THE TASK = Take the entries below and print only the lines from the one with "#117=IFCINDEXEDPOLYGONALFACE((5,7,8,6));" through the one with "#120=IFCSHAPEREPRESENTATION(#31,'Body','Tessellation',(#119));", exactly as they stand, both ends included.

INPUT MATERIAL =
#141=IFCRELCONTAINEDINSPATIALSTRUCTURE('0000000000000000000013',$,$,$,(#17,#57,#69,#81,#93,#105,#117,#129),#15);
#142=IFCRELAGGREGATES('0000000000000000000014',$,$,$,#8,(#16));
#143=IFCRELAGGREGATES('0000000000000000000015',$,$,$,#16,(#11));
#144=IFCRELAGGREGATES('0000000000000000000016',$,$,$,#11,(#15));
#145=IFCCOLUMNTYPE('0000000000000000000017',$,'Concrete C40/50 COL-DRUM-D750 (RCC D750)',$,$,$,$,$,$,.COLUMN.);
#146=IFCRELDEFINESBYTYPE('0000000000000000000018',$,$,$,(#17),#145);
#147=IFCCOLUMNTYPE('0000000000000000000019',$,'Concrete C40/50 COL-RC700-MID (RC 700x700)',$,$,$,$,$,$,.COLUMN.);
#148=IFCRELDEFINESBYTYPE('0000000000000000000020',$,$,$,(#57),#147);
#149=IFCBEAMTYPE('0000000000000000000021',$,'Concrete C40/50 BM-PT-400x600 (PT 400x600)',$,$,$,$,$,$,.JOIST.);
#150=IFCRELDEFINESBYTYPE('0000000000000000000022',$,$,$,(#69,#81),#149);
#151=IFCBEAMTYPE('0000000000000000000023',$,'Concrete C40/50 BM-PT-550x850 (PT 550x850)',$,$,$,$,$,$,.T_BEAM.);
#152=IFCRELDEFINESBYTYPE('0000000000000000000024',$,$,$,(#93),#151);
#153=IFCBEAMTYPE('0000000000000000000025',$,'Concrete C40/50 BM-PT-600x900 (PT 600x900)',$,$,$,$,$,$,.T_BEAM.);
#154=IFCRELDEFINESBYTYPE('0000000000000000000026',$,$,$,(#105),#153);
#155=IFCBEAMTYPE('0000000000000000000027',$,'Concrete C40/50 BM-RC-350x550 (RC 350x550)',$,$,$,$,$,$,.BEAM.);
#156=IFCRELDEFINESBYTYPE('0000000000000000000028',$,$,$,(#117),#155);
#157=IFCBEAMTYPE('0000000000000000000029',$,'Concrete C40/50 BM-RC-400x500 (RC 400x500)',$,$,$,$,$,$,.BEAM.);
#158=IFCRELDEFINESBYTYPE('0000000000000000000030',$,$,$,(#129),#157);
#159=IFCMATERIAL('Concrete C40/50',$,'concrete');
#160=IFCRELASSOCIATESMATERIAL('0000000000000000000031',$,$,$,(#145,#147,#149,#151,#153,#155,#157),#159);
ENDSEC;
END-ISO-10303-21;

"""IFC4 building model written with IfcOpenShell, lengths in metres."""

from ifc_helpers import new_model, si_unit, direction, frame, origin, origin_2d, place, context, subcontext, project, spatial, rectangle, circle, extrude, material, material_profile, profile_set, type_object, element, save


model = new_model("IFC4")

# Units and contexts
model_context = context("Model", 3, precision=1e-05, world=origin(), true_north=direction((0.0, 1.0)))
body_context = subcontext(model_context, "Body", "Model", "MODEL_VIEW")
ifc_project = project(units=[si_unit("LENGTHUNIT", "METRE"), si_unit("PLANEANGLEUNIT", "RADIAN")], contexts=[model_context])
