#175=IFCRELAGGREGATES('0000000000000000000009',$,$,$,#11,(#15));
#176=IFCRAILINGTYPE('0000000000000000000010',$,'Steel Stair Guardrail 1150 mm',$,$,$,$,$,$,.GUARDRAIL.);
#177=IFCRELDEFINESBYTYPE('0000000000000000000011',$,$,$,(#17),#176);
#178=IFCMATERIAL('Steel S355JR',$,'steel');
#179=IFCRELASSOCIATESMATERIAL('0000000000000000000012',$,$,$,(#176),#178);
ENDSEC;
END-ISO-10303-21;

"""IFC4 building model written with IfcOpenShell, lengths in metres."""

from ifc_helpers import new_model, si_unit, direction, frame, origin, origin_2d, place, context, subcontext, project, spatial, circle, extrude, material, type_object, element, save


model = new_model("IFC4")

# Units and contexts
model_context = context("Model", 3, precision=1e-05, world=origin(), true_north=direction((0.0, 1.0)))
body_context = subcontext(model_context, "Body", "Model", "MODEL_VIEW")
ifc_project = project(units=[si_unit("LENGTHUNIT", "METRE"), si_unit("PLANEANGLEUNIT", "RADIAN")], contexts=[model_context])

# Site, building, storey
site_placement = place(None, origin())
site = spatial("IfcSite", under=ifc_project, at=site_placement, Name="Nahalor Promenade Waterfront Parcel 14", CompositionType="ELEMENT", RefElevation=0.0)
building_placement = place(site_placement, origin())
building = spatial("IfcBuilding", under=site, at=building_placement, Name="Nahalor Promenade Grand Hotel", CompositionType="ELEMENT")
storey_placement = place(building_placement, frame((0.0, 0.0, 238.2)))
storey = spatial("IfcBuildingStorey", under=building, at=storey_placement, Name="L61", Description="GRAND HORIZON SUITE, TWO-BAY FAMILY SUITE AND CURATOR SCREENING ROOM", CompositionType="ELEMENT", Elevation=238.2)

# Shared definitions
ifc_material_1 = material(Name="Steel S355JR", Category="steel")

==

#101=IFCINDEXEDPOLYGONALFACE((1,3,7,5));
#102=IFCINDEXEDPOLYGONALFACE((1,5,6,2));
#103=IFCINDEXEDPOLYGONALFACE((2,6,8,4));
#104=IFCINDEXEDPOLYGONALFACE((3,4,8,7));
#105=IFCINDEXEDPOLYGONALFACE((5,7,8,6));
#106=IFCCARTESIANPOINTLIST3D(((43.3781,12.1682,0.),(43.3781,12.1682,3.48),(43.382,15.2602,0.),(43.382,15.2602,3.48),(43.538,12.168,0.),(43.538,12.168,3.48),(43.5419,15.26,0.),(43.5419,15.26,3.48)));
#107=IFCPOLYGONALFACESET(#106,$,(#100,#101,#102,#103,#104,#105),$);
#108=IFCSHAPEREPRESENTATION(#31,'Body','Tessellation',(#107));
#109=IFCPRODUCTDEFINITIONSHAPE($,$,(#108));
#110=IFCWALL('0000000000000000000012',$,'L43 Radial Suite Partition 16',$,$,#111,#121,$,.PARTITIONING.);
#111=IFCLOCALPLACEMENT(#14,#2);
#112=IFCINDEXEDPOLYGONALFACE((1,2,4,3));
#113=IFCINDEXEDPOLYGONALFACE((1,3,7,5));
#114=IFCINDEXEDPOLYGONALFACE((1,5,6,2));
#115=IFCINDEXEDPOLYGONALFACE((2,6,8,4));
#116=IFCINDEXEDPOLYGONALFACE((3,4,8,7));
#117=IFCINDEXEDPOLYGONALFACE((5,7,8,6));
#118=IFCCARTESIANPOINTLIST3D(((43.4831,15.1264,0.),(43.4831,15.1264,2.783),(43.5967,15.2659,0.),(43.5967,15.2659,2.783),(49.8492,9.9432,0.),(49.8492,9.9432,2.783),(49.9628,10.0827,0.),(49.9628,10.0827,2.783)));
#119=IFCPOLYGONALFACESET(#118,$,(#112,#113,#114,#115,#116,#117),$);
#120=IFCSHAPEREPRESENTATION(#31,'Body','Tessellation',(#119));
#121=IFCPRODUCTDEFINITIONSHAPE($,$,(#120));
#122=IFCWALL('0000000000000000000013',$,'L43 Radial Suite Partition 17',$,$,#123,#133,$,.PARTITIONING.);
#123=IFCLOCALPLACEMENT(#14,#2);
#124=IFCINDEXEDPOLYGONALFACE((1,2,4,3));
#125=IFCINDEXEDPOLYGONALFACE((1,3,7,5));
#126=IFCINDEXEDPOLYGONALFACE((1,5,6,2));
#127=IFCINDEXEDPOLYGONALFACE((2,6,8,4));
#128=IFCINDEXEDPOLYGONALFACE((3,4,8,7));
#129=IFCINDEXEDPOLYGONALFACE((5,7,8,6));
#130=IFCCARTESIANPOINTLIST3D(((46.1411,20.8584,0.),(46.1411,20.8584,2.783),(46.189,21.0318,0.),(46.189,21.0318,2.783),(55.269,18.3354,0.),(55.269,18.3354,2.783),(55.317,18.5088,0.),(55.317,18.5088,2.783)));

---

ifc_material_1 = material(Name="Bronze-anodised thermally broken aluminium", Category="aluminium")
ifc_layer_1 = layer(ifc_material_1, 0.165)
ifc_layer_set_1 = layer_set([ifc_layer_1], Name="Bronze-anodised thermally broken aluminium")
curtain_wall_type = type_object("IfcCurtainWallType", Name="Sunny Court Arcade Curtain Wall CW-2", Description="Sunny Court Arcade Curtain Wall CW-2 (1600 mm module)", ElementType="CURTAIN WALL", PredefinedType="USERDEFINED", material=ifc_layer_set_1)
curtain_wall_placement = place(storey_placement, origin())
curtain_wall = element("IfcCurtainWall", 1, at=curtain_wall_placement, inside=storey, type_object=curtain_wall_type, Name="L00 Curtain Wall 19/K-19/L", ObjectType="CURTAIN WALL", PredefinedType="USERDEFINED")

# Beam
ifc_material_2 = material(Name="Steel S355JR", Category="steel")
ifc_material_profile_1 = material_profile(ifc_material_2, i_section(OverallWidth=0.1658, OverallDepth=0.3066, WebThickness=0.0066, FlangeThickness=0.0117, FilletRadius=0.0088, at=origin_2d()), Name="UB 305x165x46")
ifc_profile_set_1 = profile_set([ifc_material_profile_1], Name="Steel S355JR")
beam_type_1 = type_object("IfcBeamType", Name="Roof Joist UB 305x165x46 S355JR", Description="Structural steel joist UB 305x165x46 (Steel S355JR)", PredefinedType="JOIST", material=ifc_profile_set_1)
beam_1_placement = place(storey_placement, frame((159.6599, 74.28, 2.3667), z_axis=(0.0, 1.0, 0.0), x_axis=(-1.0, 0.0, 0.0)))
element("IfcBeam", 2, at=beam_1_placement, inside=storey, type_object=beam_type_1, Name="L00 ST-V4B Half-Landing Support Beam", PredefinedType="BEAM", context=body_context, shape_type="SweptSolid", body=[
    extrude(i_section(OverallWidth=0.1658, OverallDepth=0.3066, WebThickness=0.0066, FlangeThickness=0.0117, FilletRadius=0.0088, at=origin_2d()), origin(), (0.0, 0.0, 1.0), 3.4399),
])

ANSWER AREA =
#117=IFCINDEXEDPOLYGONALFACE((5,7,8,6));
#118=IFCCARTESIANPOINTLIST3D(((43.4831,15.1264,0.),(43.4831,15.1264,2.783),(43.5967,15.2659,0.),(43.5967,15.2659,2.783),(49.8492,9.9432,0.),(49.8492,9.9432,2.783),(49.9628,10.0827,0.),(49.9628,10.0827,2.783)));
#119=IFCPOLYGONALFACESET(#118,$,(#112,#113,#114,#115,#116,#117),$);
#120=IFCSHAPEREPRESENTATION(#31,'Body','Tessellation',(#119));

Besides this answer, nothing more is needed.